Exercise material START

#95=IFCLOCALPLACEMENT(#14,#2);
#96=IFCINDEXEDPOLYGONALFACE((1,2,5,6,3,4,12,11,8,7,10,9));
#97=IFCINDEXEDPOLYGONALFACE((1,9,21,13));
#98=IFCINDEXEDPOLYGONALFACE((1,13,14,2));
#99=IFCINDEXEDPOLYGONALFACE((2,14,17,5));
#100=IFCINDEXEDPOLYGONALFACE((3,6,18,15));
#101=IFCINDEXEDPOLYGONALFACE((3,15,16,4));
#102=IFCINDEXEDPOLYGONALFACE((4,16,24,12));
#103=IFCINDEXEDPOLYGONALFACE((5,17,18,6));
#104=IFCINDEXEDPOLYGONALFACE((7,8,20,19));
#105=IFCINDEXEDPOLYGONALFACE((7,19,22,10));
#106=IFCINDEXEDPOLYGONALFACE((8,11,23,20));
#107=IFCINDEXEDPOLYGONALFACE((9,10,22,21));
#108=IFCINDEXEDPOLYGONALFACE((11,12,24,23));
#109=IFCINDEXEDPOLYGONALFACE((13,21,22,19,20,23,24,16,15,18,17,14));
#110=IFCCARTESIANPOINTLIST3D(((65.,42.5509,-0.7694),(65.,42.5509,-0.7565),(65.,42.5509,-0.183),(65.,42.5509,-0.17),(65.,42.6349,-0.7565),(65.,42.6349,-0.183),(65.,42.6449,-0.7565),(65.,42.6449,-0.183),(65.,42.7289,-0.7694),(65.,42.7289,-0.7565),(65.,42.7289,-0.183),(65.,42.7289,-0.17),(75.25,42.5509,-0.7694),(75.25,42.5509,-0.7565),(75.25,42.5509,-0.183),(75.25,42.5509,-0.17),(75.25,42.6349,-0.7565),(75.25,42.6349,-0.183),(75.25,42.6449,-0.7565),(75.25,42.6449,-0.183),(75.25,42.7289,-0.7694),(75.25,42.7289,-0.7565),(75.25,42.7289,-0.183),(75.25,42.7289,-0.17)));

Exercise material END
Exercise material START

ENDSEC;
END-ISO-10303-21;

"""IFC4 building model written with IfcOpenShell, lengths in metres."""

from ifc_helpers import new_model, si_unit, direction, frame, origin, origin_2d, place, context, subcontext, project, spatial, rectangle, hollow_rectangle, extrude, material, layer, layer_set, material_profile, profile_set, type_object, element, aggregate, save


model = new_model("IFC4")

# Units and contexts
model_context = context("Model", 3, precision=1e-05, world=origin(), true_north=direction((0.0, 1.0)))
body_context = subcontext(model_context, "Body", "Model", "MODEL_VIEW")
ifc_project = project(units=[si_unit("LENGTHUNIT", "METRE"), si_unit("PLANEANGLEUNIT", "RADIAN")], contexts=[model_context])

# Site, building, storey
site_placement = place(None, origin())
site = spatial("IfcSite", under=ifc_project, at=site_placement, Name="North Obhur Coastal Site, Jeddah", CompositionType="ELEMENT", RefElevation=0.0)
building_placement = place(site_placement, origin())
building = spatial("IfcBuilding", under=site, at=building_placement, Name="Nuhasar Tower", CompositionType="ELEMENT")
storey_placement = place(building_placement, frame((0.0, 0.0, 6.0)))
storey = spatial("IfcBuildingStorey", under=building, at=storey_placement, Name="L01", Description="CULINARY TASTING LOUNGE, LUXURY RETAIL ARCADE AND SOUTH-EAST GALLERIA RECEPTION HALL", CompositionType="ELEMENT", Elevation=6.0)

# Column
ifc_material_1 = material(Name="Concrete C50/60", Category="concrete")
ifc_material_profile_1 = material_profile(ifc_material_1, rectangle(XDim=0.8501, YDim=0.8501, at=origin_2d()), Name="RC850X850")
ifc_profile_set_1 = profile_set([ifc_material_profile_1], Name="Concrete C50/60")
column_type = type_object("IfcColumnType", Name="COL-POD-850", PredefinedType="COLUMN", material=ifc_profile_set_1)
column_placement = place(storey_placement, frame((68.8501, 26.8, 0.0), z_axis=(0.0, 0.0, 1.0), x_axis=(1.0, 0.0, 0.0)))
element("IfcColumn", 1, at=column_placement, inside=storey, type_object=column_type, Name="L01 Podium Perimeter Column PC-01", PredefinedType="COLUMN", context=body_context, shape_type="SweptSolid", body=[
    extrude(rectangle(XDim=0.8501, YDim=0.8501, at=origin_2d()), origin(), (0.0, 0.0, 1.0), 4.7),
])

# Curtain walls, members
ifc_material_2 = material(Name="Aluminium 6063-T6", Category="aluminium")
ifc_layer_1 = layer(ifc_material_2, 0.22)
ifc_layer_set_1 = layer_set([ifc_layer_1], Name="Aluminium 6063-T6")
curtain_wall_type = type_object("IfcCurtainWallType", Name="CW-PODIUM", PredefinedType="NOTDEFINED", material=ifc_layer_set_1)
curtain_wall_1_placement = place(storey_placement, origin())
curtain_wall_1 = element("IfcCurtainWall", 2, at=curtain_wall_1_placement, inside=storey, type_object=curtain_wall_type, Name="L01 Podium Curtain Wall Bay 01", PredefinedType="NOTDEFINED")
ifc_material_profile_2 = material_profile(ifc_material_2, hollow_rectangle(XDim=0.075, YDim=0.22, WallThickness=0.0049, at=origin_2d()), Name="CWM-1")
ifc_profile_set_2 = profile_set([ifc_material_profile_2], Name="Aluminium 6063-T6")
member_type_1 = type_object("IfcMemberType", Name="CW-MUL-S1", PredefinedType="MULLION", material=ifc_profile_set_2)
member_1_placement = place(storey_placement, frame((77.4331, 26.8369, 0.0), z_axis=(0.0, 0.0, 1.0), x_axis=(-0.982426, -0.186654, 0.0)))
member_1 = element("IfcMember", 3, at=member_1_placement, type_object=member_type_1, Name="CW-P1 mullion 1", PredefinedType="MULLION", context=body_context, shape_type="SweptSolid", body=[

Exercise material END

Exercise goal =
Take the entries above and return only the lines from the one with "#95=IFCLOCALPLACEMENT(#14,#2);" to the one with "#104=IFCINDEXEDPOLYGONALFACE((7,8,20,19));", both included, unchanged.

Solution to this exercise =
#95=IFCLOCALPLACEMENT(#14,#2);
#96=IFCINDEXEDPOLYGONALFACE((1,2,5,6,3,4,12,11,8,7,10,9));
#97=IFCINDEXEDPOLYGONALFACE((1,9,21,13));
#98=IFCINDEXEDPOLYGONALFACE((1,13,14,2));
#99=IFCINDEXEDPOLYGONALFACE((2,14,17,5));
#100=IFCINDEXEDPOLYGONALFACE((3,6,18,15));
#101=IFCINDEXEDPOLYGONALFACE((3,15,16,4));
#102=IFCINDEXEDPOLYGONALFACE((4,16,24,12));
#103=IFCINDEXEDPOLYGONALFACE((5,17,18,6));
#104=IFCINDEXEDPOLYGONALFACE((7,8,20,19));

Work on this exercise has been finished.